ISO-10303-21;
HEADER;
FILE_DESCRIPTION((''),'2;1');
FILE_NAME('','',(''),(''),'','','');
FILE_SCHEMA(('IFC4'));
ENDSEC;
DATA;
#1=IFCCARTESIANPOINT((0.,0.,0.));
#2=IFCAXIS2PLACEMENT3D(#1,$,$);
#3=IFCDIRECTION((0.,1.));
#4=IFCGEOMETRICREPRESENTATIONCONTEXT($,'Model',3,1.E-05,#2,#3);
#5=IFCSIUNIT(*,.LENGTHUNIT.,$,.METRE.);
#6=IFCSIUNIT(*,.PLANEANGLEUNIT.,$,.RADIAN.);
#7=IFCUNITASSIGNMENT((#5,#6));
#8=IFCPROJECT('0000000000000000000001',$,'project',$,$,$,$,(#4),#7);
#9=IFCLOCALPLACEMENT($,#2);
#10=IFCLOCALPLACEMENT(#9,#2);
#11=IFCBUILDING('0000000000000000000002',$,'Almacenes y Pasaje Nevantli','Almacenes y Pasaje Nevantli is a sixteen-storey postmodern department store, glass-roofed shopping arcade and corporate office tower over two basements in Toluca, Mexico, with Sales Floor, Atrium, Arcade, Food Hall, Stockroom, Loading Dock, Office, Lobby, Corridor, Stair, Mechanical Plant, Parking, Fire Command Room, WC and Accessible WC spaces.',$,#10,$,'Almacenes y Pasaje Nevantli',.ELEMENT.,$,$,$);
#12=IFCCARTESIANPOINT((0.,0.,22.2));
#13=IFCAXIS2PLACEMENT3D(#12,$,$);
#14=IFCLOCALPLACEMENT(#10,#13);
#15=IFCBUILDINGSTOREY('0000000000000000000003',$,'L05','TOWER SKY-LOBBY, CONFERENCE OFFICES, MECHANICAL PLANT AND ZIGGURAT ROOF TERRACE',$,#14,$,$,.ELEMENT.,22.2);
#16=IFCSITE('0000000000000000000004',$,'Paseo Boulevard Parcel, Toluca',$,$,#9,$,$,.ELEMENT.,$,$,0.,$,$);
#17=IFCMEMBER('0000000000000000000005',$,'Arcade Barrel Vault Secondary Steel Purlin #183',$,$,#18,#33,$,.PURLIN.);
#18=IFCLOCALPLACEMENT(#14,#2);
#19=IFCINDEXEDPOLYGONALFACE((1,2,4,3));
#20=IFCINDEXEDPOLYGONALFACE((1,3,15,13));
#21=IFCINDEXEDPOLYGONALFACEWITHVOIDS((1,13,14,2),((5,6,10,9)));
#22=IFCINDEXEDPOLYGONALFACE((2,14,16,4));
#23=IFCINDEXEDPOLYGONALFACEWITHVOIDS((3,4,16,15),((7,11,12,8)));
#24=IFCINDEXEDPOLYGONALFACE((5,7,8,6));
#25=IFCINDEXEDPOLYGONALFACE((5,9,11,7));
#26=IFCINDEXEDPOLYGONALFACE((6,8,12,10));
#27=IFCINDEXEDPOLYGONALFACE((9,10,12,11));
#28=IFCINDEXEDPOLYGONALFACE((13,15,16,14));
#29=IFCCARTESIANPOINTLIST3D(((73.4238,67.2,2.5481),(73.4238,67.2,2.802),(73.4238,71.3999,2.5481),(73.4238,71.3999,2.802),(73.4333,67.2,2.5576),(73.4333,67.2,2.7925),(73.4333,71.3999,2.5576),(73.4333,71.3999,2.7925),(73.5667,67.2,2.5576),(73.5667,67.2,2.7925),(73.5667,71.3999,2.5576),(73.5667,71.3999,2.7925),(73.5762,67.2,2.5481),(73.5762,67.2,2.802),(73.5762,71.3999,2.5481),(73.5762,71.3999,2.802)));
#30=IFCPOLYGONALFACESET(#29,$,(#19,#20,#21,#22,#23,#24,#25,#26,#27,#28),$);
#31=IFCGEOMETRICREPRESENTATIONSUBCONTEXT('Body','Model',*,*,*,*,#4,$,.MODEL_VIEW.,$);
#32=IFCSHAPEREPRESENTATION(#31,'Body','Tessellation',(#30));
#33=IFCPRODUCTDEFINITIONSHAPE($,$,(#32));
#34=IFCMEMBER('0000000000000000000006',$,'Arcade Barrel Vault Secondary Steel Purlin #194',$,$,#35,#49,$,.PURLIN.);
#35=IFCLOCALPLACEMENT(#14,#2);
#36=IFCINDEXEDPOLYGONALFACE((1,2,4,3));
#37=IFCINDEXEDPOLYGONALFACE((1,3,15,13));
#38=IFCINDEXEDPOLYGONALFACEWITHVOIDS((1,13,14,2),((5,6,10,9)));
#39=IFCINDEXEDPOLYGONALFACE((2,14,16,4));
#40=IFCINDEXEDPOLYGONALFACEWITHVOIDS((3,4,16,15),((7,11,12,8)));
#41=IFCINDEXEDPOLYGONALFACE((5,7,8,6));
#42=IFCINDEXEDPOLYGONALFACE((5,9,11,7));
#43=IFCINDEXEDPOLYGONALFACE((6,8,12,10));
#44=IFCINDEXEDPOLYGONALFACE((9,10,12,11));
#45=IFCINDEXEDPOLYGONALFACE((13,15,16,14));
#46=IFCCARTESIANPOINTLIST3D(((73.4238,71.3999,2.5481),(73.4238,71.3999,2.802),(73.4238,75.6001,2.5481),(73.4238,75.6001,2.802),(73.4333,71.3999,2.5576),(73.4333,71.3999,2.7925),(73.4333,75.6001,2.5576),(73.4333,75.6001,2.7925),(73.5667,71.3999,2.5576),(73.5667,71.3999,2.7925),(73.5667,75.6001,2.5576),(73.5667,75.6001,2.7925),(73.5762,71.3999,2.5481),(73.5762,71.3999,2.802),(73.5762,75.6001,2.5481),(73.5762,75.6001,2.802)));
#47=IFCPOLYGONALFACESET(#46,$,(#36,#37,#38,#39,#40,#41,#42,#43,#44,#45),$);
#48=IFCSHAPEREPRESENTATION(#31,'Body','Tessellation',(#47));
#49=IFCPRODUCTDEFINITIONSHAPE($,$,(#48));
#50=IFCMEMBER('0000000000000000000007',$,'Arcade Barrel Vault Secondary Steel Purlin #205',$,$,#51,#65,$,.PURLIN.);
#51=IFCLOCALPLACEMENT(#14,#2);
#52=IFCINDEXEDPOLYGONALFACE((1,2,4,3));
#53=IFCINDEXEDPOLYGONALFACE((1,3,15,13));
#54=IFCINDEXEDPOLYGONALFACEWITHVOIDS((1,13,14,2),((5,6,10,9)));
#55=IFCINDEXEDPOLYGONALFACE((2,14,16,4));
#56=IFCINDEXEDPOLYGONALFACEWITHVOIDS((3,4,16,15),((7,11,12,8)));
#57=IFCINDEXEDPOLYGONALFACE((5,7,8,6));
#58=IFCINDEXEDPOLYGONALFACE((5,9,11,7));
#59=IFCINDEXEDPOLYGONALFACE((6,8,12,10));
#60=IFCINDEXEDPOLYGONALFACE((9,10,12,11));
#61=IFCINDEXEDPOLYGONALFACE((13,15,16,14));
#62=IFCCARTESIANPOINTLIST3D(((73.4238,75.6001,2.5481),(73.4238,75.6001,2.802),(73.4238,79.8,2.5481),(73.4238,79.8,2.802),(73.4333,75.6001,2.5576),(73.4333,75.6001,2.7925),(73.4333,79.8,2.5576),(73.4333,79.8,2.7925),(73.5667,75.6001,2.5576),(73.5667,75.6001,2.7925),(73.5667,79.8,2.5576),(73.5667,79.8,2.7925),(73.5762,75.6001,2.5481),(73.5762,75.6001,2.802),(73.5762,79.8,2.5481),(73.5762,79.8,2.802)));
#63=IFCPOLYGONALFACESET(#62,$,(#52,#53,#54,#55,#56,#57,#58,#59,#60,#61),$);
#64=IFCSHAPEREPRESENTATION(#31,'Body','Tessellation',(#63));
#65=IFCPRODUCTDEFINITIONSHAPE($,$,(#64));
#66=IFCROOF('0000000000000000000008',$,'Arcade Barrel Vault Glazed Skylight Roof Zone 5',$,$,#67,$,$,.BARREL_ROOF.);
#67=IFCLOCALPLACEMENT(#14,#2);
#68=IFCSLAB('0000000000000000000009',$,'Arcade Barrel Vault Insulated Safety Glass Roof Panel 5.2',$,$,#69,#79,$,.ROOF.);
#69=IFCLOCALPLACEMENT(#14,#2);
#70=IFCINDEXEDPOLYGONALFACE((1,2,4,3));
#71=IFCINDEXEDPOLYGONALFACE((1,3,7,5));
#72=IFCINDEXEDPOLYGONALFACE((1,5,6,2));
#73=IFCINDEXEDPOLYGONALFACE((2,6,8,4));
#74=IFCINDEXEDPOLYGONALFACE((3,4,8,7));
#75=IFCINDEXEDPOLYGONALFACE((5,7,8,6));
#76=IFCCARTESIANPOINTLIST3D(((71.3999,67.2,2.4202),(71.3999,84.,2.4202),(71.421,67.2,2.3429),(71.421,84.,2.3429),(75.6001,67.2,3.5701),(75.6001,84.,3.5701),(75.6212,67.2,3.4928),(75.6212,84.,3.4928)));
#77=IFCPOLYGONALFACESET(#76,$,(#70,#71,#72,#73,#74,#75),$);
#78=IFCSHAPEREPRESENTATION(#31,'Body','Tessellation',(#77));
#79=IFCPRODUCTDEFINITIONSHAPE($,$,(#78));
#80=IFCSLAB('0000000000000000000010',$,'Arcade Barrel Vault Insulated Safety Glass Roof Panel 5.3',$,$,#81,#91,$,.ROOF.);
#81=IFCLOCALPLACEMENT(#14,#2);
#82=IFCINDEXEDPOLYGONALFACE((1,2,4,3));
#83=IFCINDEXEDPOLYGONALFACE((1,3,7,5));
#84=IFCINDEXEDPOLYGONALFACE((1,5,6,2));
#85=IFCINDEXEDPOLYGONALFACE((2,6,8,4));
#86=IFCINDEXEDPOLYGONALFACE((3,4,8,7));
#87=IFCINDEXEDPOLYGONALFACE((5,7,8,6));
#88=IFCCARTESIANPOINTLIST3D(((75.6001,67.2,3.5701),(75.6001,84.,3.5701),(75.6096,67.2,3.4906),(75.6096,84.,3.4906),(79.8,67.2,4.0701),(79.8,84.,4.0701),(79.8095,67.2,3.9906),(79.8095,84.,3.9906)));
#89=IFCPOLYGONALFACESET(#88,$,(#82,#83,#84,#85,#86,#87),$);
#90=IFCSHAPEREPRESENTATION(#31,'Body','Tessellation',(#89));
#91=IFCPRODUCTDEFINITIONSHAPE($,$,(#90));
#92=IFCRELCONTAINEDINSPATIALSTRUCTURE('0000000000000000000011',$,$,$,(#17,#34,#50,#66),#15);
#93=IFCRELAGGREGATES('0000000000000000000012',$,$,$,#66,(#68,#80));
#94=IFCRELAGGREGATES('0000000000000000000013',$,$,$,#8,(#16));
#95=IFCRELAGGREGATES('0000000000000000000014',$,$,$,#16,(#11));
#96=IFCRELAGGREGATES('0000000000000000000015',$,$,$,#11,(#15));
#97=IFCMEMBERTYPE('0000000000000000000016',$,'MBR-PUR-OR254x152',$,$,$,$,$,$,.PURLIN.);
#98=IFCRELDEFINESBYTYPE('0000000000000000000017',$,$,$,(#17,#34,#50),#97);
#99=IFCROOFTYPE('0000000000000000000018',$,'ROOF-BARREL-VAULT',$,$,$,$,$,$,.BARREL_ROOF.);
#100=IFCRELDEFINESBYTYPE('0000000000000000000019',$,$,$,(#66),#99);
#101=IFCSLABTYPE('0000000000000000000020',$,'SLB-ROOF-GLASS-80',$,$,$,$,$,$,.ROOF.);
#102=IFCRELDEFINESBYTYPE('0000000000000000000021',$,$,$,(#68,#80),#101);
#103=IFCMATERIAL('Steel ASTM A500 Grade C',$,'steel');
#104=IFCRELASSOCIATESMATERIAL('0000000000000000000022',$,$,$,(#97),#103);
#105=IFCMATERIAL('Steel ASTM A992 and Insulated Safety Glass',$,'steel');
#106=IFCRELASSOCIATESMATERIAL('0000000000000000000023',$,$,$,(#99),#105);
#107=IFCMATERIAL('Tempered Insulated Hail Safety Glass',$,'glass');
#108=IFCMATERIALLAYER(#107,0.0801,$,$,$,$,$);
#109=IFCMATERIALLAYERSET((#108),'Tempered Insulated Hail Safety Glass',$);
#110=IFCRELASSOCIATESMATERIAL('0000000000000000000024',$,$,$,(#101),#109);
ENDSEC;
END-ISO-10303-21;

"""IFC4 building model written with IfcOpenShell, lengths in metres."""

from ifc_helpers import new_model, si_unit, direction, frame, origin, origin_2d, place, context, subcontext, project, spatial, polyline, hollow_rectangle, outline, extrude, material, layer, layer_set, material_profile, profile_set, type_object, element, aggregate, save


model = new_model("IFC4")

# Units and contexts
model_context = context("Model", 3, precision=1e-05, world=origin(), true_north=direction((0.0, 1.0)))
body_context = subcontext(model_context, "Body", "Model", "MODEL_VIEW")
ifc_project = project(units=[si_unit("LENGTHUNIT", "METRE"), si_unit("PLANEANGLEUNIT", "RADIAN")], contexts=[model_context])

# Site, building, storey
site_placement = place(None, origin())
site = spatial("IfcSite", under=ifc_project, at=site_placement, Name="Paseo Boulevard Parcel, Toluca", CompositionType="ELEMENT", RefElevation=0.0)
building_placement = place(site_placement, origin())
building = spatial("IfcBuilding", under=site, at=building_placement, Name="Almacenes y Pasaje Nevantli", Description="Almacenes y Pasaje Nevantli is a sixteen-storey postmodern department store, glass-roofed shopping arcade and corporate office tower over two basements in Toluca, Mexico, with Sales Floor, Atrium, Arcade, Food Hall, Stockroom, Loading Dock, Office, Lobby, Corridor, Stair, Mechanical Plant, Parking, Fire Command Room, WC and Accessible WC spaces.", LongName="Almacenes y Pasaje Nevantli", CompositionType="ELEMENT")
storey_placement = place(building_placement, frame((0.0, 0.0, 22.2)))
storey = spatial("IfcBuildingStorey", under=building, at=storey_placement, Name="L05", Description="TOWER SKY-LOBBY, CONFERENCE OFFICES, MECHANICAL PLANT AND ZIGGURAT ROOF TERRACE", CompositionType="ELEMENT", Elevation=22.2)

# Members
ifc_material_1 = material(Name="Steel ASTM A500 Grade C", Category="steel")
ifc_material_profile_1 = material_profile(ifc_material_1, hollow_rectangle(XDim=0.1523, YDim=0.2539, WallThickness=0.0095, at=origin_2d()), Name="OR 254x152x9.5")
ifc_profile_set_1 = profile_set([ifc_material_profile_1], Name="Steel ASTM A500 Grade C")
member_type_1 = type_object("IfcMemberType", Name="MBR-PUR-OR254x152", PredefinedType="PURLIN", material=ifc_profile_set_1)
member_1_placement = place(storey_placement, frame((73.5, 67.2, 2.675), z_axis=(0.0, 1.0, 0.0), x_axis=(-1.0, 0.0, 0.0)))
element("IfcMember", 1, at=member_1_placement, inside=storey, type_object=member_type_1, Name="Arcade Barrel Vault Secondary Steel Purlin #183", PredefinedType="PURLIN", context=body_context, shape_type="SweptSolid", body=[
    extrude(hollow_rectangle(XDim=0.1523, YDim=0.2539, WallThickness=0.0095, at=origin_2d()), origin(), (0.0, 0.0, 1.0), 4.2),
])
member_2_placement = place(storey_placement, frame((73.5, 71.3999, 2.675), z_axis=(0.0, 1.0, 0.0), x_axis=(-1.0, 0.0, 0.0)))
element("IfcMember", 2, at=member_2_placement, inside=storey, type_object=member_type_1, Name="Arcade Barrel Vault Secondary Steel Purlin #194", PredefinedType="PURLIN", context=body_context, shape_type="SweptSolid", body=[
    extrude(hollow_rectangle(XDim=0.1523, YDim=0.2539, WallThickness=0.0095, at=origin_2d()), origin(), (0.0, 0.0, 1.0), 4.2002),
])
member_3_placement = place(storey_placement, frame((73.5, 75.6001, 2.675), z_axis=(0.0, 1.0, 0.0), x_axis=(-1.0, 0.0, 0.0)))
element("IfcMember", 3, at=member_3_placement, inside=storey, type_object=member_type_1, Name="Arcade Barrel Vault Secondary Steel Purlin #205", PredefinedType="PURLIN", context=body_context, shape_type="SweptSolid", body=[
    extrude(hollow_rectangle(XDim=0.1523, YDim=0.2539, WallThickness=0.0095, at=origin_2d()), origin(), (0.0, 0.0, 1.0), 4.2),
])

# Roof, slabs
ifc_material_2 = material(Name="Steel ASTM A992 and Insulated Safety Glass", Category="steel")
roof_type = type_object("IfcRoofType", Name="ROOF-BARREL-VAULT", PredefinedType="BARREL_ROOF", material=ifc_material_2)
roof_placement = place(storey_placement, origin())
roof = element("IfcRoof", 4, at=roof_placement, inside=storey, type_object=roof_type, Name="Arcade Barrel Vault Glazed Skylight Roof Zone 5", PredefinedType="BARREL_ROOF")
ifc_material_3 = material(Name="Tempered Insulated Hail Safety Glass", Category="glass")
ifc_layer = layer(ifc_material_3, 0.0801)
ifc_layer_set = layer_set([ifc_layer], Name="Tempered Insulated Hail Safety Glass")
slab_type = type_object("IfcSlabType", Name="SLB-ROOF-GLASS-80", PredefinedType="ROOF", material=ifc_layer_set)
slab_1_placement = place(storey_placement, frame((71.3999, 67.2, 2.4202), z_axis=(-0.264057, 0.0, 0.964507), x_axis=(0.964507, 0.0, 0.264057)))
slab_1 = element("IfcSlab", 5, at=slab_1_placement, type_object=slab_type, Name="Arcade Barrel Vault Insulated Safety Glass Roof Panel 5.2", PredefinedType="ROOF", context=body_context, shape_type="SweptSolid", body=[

-- YOUR GOAL --
In the records above, find the line with "#50=IFCMEMBER('0000000000000000000007',$,'Arcade Barrel Vault"; write out exactly that line and each one after it, stopping after the line with "#75=IFCINDEXEDPOLYGONALFACE((5,7,8,6));".

-- RESPONSE BOX --
#50=IFCMEMBER('0000000000000000000007',$,'Arcade Barrel Vault Secondary Steel Purlin #205',$,$,#51,#65,$,.PURLIN.);
#51=IFCLOCALPLACEMENT(#14,#2);
#52=IFCINDEXEDPOLYGONALFACE((1,2,4,3));
#53=IFCINDEXEDPOLYGONALFACE((1,3,15,13));
#54=IFCINDEXEDPOLYGONALFACEWITHVOIDS((1,13,14,2),((5,6,10,9)));
#55=IFCINDEXEDPOLYGONALFACE((2,14,16,4));
#56=IFCINDEXEDPOLYGONALFACEWITHVOIDS((3,4,16,15),((7,11,12,8)));
#57=IFCINDEXEDPOLYGONALFACE((5,7,8,6));
#58=IFCINDEXEDPOLYGONALFACE((5,9,11,7));
#59=IFCINDEXEDPOLYGONALFACE((6,8,12,10));
#60=IFCINDEXEDPOLYGONALFACE((9,10,12,11));
#61=IFCINDEXEDPOLYGONALFACE((13,15,16,14));
#62=IFCCARTESIANPOINTLIST3D(((73.4238,75.6001,2.5481),(73.4238,75.6001,2.802),(73.4238,79.8,2.5481),(73.4238,79.8,2.802),(73.4333,75.6001,2.5576),(73.4333,75.6001,2.7925),(73.4333,79.8,2.5576),(73.4333,79.8,2.7925),(73.5667,75.6001,2.5576),(73.5667,75.6001,2.7925),(73.5667,79.8,2.5576),(73.5667,79.8,2.7925),(73.5762,75.6001,2.5481),(73.5762,75.6001,2.802),(73.5762,79.8,2.5481),(73.5762,79.8,2.802)));
#63=IFCPOLYGONALFACESET(#62,$,(#52,#53,#54,#55,#56,#57,#58,#59,#60,#61),$);
#64=IFCSHAPEREPRESENTATION(#31,'Body','Tessellation',(#63));
#65=IFCPRODUCTDEFINITIONSHAPE($,$,(#64));
#66=IFCROOF('0000000000000000000008',$,'Arcade Barrel Vault Glazed Skylight Roof Zone 5',$,$,#67,$,$,.BARREL_ROOF.);
#67=IFCLOCALPLACEMENT(#14,#2);
#68=IFCSLAB('0000000000000000000009',$,'Arcade Barrel Vault Insulated Safety Glass Roof Panel 5.2',$,$,#69,#79,$,.ROOF.);
#69=IFCLOCALPLACEMENT(#14,#2);
#70=IFCINDEXEDPOLYGONALFACE((1,2,4,3));
#71=IFCINDEXEDPOLYGONALFACE((1,3,7,5));
#72=IFCINDEXEDPOLYGONALFACE((1,5,6,2));
#73=IFCINDEXEDPOLYGONALFACE((2,6,8,4));
#74=IFCINDEXEDPOLYGONALFACE((3,4,8,7));
#75=IFCINDEXEDPOLYGONALFACE((5,7,8,6));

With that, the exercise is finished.